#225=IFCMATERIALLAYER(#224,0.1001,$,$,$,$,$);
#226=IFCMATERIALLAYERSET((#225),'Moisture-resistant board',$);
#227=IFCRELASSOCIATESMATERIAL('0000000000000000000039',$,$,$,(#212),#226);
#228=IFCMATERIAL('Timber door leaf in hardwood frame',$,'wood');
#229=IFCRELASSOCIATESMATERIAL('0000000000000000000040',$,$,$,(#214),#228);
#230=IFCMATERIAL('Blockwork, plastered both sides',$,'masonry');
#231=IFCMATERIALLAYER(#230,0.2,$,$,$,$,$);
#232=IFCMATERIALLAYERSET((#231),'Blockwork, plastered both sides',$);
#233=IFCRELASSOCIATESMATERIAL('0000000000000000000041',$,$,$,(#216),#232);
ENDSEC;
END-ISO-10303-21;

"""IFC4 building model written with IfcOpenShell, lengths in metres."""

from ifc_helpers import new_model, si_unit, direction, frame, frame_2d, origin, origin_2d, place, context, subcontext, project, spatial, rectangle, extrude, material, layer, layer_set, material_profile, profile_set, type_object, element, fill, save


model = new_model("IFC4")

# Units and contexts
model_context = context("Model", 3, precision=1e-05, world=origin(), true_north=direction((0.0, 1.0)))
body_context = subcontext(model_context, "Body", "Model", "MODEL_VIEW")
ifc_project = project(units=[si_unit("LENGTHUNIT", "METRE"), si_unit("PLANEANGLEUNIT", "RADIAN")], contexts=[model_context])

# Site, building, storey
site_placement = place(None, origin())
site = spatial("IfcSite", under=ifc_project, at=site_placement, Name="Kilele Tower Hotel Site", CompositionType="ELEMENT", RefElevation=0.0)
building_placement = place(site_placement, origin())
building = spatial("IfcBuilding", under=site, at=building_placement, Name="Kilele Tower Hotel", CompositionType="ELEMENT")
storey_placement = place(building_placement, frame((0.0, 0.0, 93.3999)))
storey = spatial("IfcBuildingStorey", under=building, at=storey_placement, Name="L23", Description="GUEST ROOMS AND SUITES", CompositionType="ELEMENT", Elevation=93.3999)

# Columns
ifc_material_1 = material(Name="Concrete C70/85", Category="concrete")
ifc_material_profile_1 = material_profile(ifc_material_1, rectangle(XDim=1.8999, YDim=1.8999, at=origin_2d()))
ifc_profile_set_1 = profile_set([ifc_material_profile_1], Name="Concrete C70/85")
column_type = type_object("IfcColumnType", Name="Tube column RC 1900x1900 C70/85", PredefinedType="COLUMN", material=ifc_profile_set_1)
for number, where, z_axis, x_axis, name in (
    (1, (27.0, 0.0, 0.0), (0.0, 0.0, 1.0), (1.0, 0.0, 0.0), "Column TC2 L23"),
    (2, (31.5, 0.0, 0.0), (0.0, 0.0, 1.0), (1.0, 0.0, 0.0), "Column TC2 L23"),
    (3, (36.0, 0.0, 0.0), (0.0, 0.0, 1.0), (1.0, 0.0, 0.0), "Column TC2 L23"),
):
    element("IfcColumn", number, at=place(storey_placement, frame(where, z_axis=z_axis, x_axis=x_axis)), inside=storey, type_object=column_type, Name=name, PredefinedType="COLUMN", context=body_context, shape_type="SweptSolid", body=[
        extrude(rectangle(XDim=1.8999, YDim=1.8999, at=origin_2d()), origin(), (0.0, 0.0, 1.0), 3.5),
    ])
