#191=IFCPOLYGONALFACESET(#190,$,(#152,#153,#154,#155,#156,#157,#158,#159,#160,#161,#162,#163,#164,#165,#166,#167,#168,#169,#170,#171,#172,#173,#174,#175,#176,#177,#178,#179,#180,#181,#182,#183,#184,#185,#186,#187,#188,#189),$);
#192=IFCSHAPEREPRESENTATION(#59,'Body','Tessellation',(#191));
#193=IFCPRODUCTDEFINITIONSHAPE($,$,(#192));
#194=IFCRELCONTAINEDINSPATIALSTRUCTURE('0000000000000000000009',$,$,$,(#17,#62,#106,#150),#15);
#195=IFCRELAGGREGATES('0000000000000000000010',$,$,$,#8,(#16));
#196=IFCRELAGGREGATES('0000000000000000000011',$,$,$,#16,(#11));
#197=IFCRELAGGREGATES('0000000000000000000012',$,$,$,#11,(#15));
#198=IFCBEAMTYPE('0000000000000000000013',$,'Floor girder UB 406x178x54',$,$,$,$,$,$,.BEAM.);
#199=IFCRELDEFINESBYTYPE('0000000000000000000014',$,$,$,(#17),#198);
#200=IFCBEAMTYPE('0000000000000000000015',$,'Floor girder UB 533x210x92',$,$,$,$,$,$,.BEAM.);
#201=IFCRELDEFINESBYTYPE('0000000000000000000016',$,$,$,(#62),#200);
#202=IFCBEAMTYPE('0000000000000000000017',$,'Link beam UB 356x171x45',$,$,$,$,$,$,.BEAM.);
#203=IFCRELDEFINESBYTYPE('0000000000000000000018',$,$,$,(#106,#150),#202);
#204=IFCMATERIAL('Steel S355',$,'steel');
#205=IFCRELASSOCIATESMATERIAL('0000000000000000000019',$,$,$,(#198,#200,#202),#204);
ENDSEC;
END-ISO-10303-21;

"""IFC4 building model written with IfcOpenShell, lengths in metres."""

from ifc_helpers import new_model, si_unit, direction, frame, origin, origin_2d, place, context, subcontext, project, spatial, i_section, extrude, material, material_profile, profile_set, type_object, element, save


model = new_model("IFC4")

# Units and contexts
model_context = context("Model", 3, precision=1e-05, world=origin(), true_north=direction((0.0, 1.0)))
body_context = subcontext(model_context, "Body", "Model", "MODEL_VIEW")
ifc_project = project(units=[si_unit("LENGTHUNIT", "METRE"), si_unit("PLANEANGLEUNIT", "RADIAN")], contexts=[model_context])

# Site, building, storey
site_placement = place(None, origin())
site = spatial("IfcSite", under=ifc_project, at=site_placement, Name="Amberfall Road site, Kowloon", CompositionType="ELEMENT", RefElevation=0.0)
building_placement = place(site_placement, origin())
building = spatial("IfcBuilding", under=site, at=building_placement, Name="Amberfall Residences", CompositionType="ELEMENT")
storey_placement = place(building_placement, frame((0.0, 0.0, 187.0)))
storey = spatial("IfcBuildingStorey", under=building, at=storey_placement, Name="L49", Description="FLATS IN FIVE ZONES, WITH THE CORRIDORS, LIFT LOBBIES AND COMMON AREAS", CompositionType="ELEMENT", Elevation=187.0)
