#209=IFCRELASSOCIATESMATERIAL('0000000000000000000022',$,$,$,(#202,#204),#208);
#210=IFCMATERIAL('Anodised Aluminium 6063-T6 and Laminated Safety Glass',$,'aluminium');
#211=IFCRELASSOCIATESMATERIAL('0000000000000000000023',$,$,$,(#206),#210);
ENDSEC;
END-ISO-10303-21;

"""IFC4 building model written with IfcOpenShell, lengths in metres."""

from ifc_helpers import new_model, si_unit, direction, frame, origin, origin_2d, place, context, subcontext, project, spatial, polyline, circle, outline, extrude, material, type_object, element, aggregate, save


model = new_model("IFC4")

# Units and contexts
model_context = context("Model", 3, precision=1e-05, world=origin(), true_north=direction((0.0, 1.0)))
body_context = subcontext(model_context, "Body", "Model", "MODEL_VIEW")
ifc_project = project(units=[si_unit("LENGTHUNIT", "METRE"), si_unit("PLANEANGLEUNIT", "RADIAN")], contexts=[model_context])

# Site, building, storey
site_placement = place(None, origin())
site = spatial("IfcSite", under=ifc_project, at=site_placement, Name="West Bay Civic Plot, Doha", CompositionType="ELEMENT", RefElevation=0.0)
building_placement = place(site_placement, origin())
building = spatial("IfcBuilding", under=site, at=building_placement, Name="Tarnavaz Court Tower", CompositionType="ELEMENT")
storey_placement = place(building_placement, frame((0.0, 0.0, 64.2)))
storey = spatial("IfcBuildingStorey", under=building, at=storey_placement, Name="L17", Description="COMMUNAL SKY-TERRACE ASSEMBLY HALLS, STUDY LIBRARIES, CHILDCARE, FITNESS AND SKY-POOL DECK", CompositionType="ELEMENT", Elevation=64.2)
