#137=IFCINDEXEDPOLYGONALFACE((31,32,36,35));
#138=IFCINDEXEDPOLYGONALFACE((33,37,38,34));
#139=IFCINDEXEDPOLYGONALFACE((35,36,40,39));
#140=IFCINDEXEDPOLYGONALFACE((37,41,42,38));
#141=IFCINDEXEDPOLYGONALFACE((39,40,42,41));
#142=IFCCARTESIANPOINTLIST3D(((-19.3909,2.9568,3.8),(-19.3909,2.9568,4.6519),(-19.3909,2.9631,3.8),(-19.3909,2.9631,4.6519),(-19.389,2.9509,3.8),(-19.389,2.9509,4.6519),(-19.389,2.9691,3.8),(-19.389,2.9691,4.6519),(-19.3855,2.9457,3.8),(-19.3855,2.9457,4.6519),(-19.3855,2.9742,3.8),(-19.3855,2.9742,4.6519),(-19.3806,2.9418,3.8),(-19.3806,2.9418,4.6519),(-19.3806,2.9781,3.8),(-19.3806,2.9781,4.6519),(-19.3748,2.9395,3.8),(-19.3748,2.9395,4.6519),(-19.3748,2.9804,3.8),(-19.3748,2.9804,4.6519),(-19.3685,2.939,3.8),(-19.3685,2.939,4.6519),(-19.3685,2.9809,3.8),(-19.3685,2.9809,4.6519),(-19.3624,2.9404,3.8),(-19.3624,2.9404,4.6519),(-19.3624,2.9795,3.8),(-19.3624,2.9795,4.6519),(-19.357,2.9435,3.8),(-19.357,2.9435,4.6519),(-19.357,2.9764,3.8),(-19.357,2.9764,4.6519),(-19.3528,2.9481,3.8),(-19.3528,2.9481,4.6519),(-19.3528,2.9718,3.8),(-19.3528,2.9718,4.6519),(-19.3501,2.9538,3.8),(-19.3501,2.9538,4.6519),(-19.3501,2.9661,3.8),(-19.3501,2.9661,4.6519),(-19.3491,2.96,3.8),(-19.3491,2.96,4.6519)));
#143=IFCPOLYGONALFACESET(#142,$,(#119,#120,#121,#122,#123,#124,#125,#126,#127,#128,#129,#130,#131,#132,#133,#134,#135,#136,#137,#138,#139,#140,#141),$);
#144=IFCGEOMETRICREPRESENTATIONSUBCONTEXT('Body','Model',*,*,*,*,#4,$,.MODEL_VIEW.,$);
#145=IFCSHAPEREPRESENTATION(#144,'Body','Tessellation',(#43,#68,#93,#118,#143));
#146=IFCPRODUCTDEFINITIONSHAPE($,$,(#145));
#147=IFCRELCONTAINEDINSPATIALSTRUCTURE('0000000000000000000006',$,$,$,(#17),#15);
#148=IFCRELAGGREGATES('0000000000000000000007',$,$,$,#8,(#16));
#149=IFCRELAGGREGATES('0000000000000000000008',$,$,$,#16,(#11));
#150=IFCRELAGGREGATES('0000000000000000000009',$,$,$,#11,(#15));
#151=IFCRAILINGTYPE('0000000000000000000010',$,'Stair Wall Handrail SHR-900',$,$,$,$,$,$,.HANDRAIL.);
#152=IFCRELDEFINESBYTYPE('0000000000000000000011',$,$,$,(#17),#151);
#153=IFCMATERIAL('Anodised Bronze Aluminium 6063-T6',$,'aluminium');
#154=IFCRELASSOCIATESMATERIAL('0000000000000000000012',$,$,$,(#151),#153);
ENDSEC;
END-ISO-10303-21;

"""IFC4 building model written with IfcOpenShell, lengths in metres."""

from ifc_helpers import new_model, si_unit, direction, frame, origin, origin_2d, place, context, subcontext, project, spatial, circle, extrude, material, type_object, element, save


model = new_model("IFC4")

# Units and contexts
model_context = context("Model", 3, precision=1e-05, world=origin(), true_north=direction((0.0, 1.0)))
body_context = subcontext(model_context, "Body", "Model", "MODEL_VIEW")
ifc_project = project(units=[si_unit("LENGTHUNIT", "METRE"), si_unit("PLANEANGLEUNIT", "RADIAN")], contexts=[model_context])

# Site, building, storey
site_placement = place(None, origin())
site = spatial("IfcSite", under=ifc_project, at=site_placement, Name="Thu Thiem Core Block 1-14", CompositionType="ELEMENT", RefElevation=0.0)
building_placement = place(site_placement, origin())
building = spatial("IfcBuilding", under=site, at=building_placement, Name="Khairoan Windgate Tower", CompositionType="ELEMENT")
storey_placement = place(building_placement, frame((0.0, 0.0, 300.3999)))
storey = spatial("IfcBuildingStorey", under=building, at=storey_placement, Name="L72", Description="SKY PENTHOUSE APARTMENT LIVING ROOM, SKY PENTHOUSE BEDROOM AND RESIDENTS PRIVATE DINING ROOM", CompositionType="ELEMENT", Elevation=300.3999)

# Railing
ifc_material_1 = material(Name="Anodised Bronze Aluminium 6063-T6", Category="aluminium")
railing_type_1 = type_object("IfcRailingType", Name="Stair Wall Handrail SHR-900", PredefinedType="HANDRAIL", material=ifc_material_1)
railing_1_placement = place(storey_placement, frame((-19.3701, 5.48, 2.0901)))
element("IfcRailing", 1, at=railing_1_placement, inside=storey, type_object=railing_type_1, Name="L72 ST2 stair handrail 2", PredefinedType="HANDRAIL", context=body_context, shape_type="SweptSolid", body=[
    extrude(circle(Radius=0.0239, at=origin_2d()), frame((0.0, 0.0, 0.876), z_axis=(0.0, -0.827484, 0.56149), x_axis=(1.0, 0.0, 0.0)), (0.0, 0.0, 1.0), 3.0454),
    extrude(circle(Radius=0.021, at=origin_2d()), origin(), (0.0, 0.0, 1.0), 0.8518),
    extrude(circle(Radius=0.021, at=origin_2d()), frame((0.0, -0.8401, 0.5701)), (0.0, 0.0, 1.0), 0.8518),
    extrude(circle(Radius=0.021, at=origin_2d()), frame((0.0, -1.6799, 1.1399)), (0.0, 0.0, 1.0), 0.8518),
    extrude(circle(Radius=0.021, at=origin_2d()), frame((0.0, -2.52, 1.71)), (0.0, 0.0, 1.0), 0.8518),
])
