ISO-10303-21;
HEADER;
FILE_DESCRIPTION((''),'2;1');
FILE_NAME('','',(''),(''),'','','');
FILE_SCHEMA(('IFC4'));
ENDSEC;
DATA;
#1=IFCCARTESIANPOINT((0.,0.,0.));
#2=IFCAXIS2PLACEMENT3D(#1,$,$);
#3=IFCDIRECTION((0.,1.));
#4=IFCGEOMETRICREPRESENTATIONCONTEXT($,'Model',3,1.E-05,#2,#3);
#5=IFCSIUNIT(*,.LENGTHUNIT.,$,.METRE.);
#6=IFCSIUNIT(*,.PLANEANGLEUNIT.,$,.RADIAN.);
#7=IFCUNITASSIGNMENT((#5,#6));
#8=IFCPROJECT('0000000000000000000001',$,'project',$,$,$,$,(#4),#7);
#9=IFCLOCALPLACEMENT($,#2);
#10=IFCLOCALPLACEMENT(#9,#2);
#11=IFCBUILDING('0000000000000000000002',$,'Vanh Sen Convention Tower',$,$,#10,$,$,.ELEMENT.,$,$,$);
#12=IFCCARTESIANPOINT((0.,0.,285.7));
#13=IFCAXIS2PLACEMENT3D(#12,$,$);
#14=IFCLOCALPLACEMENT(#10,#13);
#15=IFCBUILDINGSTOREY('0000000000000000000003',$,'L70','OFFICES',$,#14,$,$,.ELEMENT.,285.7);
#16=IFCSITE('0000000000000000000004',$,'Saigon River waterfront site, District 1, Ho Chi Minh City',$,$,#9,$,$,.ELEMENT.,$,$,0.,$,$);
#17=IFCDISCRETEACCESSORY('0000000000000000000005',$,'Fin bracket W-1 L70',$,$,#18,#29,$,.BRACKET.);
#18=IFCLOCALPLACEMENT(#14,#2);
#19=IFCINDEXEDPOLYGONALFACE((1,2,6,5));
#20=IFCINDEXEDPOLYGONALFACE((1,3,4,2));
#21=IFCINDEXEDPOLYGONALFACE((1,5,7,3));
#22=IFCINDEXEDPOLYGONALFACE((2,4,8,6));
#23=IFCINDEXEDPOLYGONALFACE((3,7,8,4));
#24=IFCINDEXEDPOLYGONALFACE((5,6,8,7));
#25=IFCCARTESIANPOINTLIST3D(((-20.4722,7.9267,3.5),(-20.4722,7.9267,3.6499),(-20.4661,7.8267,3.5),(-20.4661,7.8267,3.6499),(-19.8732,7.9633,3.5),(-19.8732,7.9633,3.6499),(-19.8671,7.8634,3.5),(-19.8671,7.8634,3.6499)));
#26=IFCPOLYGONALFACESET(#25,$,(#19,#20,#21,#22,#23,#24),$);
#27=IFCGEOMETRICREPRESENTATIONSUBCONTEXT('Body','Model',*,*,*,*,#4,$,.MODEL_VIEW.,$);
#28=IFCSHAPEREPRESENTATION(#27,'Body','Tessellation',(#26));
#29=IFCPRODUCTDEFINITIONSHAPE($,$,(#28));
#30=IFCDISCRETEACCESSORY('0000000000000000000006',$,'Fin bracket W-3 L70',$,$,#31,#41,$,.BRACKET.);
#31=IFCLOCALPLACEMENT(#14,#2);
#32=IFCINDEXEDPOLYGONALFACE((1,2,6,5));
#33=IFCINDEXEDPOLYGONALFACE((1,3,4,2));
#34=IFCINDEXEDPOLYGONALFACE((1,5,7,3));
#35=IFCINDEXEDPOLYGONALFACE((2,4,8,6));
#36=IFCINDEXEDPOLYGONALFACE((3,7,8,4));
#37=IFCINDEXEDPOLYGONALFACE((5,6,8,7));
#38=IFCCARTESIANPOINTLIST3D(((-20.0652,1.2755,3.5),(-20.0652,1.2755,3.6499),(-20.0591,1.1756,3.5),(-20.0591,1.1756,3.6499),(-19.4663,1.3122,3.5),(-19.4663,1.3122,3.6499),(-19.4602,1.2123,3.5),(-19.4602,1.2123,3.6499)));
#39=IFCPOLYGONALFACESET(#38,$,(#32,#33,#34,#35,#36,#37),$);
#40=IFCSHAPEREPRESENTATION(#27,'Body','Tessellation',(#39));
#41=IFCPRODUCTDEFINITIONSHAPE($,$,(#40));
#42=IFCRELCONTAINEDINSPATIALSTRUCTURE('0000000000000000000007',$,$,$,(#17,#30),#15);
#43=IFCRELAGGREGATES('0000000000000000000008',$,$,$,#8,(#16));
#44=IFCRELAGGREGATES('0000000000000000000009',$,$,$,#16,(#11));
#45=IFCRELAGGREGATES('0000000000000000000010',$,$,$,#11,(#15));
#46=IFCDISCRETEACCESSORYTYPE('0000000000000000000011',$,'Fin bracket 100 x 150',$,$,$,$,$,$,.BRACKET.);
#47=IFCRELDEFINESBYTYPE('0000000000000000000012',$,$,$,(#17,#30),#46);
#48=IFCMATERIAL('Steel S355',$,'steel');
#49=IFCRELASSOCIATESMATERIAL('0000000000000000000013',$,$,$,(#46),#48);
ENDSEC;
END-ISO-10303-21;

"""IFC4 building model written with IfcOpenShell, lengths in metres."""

from ifc_helpers import new_model, si_unit, direction, frame, origin, origin_2d, place, context, subcontext, project, spatial, rectangle, extrude, material, type_object, element, save


model = new_model("IFC4")

# Units and contexts
model_context = context("Model", 3, precision=1e-05, world=origin(), true_north=direction((0.0, 1.0)))
body_context = subcontext(model_context, "Body", "Model", "MODEL_VIEW")
ifc_project = project(units=[si_unit("LENGTHUNIT", "METRE"), si_unit("PLANEANGLEUNIT", "RADIAN")], contexts=[model_context])

# Site, building, storey
site_placement = place(None, origin())
site = spatial("IfcSite", under=ifc_project, at=site_placement, Name="Saigon River waterfront site, District 1, Ho Chi Minh City", CompositionType="ELEMENT", RefElevation=0.0)
building_placement = place(site_placement, origin())
building = spatial("IfcBuilding", under=site, at=building_placement, Name="Vanh Sen Convention Tower", CompositionType="ELEMENT")
storey_placement = place(building_placement, frame((0.0, 0.0, 285.7)))
storey = spatial("IfcBuildingStorey", under=building, at=storey_placement, Name="L70", Description="OFFICES", CompositionType="ELEMENT", Elevation=285.7)

# Discrete accessories
ifc_material_1 = material(Name="Steel S355", Category="steel")
discrete_accessory_type = type_object("IfcDiscreteAccessoryType", Name="Fin bracket 100 x 150", PredefinedType="BRACKET", material=ifc_material_1)
for number, where, z_axis, x_axis, name in (
    (1, (-20.1697, 7.895, 3.5), (0.0, 0.0, 1.0), (-0.998135, -0.061049, 0.0), "Fin bracket W-1 L70"),
    (2, (-19.7627, 1.2439, 3.5), (0.0, 0.0, 1.0), (-0.998135, -0.061049, 0.0), "Fin bracket W-3 L70"),
):
    element("IfcDiscreteAccessory", number, at=place(storey_placement, frame(where, z_axis=z_axis, x_axis=x_axis)), inside=storey, type_object=discrete_accessory_type, Name=name, PredefinedType="BRACKET", context=body_context, shape_type="SweptSolid", body=[
        extrude(rectangle(XDim=0.6001, YDim=0.1001, at=origin_2d()), origin(), (0.0, 0.0, 1.0), 0.1499),
    ])

save(model, "model.ifc")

··········

• **Directions for this task**: Match on "aluminium" and report each line of the data above that has it.

• **Solution**:
#210=IFCMATERIAL('Anodised Aluminium 6063-T6 and Laminated Safety Glass',$,'aluminium');
#153=IFCMATERIAL('Anodised Bronze Aluminium 6063-T6',$,'aluminium');
ifc_material_1 = material(Name="Anodised Bronze Aluminium 6063-T6", Category="aluminium")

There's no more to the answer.